Among the entries below, one line contains "for whole, parts" and another contains "for what, things". Transcribe those two lines and every line between them, exactly.

═══ RECORDS SUPPLIED ═══

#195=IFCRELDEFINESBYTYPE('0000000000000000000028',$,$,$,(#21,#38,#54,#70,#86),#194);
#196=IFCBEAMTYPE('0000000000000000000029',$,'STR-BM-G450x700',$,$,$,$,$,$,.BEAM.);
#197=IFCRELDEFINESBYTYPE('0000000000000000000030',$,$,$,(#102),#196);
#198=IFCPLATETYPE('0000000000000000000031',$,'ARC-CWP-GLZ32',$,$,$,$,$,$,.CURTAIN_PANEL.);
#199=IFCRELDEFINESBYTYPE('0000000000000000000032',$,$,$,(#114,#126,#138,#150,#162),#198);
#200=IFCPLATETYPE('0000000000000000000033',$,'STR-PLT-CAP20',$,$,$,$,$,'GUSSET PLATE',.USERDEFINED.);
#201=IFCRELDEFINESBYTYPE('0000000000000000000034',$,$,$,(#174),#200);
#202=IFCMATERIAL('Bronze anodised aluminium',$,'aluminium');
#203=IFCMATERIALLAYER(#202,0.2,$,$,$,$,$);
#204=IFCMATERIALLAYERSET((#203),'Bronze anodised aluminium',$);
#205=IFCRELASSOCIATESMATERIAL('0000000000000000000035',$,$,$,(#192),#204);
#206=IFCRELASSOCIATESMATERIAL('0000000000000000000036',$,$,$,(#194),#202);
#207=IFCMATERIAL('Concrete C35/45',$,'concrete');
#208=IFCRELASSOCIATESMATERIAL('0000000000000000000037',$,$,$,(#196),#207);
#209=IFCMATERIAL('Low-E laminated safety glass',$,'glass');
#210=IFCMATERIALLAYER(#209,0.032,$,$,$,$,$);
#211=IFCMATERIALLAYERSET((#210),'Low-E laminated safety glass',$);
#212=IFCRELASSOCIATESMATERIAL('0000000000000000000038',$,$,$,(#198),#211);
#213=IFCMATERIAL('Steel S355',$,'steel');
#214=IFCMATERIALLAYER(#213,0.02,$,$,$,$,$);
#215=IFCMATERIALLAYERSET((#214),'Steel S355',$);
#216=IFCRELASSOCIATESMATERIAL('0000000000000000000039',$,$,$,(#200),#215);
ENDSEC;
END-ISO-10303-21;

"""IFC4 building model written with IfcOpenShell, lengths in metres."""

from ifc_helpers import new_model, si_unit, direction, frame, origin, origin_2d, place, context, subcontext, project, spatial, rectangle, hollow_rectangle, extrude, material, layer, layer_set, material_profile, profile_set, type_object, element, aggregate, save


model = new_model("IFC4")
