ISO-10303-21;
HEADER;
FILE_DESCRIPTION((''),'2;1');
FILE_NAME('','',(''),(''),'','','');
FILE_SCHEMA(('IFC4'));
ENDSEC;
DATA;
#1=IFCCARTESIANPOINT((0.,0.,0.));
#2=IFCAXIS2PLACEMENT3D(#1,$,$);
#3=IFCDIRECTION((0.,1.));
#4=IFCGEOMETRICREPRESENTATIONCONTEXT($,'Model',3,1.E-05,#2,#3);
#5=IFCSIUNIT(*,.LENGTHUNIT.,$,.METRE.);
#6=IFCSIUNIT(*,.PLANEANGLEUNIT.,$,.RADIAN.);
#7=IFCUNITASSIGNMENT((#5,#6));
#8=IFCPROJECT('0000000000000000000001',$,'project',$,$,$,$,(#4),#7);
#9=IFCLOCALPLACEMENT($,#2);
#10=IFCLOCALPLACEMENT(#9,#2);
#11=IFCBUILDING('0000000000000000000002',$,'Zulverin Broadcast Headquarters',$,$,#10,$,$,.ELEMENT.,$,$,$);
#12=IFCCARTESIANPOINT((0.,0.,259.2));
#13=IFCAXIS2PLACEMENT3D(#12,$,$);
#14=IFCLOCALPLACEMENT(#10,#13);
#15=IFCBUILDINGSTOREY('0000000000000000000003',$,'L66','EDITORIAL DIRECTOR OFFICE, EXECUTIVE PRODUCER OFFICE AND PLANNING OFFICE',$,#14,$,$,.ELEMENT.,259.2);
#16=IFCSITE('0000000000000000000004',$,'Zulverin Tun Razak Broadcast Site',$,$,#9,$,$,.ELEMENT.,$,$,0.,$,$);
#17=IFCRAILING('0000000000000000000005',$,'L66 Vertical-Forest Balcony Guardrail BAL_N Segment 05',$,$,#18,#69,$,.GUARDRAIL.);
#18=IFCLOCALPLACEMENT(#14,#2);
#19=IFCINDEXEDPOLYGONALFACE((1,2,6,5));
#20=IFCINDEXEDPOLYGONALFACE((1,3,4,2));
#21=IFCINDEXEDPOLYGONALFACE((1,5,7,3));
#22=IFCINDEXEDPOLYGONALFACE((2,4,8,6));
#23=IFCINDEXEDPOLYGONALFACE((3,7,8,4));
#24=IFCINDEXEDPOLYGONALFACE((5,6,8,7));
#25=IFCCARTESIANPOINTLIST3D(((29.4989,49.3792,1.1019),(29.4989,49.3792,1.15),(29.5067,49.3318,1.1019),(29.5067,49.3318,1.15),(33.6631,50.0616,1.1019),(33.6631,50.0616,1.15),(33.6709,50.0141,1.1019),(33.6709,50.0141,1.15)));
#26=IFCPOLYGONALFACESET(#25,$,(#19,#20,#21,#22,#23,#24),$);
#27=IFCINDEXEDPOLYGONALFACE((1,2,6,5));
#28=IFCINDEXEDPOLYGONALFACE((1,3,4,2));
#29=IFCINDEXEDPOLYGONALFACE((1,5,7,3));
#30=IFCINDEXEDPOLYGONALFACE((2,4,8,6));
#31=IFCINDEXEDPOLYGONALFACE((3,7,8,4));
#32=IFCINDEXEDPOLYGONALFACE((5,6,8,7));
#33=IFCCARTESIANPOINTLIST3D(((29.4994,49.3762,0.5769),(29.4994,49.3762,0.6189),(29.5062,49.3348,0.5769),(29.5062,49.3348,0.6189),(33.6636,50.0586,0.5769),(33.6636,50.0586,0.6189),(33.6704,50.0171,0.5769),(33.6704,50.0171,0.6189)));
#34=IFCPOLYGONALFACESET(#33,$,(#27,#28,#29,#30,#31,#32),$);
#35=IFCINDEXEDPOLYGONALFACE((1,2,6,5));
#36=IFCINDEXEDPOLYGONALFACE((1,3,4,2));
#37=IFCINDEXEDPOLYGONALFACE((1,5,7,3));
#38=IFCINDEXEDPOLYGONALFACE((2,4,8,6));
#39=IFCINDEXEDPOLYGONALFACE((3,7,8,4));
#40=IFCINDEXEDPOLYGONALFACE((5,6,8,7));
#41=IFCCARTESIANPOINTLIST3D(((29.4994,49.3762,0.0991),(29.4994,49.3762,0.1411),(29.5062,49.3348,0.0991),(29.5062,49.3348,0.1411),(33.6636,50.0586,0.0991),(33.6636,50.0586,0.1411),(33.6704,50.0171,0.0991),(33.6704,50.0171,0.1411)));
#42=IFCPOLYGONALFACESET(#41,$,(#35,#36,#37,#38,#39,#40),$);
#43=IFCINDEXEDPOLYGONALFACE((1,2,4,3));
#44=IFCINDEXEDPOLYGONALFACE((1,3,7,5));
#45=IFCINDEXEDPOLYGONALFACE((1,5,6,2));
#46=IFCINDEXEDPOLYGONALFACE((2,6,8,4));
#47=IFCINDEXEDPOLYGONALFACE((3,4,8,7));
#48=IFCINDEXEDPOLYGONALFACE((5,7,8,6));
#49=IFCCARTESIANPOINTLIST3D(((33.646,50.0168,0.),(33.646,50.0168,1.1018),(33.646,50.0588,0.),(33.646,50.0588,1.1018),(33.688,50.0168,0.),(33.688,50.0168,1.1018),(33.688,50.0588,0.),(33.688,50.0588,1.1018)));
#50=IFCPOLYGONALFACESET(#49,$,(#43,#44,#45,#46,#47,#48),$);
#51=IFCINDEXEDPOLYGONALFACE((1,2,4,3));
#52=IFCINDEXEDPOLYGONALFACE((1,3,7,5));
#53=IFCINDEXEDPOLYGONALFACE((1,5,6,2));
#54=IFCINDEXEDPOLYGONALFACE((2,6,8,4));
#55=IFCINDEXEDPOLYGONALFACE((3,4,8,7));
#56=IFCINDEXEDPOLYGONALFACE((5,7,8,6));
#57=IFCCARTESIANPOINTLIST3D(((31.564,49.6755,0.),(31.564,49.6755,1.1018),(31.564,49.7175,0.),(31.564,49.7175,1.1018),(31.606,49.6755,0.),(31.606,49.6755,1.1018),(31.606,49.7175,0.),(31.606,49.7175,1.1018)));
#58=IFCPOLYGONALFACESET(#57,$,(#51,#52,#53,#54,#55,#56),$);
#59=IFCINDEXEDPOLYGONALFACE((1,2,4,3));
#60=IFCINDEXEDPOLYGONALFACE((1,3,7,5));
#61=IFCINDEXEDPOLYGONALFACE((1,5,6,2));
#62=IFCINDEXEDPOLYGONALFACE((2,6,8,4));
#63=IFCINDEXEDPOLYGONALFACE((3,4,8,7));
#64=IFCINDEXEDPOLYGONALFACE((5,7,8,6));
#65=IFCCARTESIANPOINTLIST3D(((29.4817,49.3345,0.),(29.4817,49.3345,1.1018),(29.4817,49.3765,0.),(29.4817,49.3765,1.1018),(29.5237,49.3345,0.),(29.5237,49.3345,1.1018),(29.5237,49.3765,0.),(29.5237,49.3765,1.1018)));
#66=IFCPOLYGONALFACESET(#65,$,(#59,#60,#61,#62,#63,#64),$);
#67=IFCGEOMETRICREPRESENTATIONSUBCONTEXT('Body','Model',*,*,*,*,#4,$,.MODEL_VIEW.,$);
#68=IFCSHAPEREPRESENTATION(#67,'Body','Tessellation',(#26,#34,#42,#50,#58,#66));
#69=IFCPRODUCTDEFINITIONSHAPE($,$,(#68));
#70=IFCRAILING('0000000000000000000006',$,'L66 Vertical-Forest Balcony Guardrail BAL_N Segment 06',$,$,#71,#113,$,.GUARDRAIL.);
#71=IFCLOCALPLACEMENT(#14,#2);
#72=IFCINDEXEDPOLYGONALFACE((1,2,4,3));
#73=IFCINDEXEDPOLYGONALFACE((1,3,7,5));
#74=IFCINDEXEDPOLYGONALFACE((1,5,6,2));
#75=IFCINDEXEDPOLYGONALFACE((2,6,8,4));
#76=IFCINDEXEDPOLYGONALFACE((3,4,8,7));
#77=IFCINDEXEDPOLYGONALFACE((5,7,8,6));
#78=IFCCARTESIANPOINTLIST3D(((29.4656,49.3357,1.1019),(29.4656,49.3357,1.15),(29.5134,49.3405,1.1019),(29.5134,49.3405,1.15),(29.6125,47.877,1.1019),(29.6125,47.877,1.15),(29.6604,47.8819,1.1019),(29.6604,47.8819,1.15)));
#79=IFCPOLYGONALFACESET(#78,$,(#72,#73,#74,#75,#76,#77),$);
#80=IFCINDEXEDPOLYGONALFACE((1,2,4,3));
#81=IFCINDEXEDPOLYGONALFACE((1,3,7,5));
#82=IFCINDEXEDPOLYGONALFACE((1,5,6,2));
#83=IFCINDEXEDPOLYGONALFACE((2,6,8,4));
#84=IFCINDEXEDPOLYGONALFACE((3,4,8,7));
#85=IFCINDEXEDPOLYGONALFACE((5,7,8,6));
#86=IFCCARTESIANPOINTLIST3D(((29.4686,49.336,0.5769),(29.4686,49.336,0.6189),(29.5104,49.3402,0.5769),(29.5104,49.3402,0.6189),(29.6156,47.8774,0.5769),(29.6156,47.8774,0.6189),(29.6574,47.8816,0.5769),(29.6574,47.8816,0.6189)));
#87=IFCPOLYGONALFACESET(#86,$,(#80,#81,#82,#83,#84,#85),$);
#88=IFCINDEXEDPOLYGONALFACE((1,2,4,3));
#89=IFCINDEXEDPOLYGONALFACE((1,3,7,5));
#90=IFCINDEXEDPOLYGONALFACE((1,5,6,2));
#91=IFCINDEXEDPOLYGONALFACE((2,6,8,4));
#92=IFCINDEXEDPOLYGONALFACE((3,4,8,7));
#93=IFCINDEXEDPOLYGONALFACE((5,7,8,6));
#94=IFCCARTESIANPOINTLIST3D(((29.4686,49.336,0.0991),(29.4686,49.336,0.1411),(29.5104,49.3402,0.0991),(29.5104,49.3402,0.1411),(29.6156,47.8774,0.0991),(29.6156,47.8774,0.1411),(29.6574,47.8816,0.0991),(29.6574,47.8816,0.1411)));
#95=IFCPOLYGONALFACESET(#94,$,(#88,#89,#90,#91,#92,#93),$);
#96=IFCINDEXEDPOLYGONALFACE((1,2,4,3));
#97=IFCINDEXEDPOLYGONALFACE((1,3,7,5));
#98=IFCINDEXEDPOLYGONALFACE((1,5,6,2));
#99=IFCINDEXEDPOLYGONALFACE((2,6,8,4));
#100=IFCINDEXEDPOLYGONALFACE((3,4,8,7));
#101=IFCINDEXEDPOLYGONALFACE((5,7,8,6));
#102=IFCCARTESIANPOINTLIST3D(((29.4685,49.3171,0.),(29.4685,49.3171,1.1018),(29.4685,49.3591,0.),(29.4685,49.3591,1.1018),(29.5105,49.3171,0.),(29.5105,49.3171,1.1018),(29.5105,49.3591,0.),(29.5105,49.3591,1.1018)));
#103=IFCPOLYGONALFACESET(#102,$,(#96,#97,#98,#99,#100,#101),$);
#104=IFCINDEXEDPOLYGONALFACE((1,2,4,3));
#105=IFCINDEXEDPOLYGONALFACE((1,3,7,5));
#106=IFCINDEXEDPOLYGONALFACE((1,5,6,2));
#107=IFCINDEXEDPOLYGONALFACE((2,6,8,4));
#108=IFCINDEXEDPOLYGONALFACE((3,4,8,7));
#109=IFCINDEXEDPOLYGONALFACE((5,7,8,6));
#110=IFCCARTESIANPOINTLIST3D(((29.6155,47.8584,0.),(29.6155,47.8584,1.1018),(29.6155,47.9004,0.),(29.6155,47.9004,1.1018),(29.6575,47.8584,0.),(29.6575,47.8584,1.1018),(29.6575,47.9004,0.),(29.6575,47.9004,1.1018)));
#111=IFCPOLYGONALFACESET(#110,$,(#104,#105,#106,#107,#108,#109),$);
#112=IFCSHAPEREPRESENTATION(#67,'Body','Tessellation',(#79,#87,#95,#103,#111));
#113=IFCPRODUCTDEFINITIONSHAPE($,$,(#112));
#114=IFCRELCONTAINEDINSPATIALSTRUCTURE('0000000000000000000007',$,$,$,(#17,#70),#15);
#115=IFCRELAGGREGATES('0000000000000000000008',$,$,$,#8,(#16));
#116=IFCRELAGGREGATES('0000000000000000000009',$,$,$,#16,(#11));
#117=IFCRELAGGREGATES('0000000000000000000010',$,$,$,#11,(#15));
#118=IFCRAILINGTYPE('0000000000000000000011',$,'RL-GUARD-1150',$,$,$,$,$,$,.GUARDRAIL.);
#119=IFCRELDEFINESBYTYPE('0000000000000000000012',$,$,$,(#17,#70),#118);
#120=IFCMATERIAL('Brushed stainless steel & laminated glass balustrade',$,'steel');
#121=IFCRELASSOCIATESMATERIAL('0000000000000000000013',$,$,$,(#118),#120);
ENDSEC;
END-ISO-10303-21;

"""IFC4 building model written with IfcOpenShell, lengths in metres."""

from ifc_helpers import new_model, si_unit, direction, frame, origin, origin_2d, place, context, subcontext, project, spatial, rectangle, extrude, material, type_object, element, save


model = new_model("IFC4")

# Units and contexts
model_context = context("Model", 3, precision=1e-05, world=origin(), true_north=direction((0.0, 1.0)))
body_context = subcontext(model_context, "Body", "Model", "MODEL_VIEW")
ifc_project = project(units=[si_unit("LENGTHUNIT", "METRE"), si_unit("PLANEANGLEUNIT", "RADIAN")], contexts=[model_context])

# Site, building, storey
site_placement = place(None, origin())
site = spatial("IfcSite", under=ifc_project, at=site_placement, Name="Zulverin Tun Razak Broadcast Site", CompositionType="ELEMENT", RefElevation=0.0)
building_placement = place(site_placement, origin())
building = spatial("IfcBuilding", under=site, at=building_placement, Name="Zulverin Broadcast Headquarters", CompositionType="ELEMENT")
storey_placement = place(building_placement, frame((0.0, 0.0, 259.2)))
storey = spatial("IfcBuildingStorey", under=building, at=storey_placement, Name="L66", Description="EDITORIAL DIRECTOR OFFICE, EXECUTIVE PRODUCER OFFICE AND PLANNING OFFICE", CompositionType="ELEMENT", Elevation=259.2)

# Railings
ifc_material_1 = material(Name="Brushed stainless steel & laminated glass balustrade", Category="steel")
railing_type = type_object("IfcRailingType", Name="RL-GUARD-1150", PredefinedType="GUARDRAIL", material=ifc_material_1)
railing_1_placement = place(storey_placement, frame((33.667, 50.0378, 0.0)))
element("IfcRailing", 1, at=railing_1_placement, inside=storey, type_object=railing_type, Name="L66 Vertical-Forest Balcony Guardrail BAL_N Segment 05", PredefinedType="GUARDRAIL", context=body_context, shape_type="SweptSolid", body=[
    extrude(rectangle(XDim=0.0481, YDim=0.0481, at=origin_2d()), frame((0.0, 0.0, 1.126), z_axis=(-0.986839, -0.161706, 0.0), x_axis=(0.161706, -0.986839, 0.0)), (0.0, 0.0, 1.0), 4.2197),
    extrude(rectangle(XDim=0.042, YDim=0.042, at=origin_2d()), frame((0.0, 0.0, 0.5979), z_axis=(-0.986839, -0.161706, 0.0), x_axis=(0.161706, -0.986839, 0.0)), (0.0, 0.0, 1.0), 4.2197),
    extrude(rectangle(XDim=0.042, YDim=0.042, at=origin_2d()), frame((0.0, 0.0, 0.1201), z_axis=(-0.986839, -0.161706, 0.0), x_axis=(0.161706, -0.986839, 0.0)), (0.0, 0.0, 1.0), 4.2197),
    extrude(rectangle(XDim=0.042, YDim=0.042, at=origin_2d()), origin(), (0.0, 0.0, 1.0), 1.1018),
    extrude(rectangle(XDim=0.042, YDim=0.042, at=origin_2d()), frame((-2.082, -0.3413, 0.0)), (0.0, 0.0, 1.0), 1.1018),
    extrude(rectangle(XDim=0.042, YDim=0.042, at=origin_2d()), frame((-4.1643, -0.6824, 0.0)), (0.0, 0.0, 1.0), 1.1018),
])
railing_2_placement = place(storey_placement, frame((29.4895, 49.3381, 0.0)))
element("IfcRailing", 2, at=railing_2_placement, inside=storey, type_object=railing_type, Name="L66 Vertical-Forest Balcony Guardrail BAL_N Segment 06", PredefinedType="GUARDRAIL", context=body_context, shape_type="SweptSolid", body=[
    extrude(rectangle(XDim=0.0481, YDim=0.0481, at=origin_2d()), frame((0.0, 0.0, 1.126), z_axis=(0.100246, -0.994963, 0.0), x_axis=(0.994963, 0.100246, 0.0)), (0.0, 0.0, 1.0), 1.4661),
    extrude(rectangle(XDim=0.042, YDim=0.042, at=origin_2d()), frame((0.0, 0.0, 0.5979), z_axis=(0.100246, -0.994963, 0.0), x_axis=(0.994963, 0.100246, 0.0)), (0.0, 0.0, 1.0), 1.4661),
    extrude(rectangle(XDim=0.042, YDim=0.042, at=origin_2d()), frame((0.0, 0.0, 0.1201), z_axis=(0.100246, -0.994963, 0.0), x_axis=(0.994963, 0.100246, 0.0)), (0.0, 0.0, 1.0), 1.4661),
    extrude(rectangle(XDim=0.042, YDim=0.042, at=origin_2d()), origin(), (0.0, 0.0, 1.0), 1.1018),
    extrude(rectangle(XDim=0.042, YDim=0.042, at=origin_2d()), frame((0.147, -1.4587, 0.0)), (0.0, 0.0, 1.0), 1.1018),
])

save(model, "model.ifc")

═══
═══ RECORDS SUPPLIED ═══

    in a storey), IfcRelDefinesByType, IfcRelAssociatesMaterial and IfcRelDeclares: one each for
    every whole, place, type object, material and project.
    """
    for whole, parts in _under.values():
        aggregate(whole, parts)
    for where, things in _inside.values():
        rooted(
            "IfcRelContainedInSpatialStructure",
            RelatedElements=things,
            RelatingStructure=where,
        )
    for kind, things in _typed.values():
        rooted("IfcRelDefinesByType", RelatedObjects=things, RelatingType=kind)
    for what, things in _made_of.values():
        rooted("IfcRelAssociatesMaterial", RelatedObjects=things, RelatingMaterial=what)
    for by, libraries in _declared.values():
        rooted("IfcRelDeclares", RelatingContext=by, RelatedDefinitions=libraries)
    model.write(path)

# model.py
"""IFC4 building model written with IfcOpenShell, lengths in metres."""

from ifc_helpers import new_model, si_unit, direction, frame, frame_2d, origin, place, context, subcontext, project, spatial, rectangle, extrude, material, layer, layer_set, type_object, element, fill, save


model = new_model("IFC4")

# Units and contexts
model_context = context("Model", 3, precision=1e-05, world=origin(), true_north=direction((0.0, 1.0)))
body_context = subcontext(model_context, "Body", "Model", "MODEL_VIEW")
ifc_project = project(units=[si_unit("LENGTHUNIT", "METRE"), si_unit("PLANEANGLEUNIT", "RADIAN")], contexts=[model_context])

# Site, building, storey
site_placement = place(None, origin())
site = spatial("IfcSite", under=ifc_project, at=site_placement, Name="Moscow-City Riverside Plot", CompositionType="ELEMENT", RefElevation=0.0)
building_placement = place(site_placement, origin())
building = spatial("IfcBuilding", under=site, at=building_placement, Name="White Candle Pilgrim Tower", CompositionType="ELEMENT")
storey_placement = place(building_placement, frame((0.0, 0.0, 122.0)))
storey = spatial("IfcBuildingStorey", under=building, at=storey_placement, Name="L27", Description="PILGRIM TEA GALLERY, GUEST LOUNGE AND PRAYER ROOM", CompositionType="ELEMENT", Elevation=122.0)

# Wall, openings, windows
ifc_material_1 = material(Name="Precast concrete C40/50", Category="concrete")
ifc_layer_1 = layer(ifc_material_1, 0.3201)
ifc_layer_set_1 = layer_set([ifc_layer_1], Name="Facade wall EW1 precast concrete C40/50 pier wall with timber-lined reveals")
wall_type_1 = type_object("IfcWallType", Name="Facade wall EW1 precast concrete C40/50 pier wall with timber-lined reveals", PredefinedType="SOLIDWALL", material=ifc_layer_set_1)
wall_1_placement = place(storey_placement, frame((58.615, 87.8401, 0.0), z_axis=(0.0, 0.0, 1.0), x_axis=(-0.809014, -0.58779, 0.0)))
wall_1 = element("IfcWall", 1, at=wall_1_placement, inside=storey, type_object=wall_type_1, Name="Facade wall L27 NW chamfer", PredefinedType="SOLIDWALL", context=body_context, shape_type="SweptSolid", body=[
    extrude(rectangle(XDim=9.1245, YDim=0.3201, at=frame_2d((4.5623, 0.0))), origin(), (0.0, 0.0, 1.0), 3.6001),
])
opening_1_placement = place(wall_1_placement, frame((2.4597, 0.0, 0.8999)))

═══

OUTPUT OF THE EXERCISE.
    for whole, parts in _under.values():
        aggregate(whole, parts)
    for where, things in _inside.values():
        rooted(
            "IfcRelContainedInSpatialStructure",
            RelatedElements=things,
            RelatingStructure=where,
        )
    for kind, things in _typed.values():
        rooted("IfcRelDefinesByType", RelatedObjects=things, RelatingType=kind)
    for what, things in _made_of.values():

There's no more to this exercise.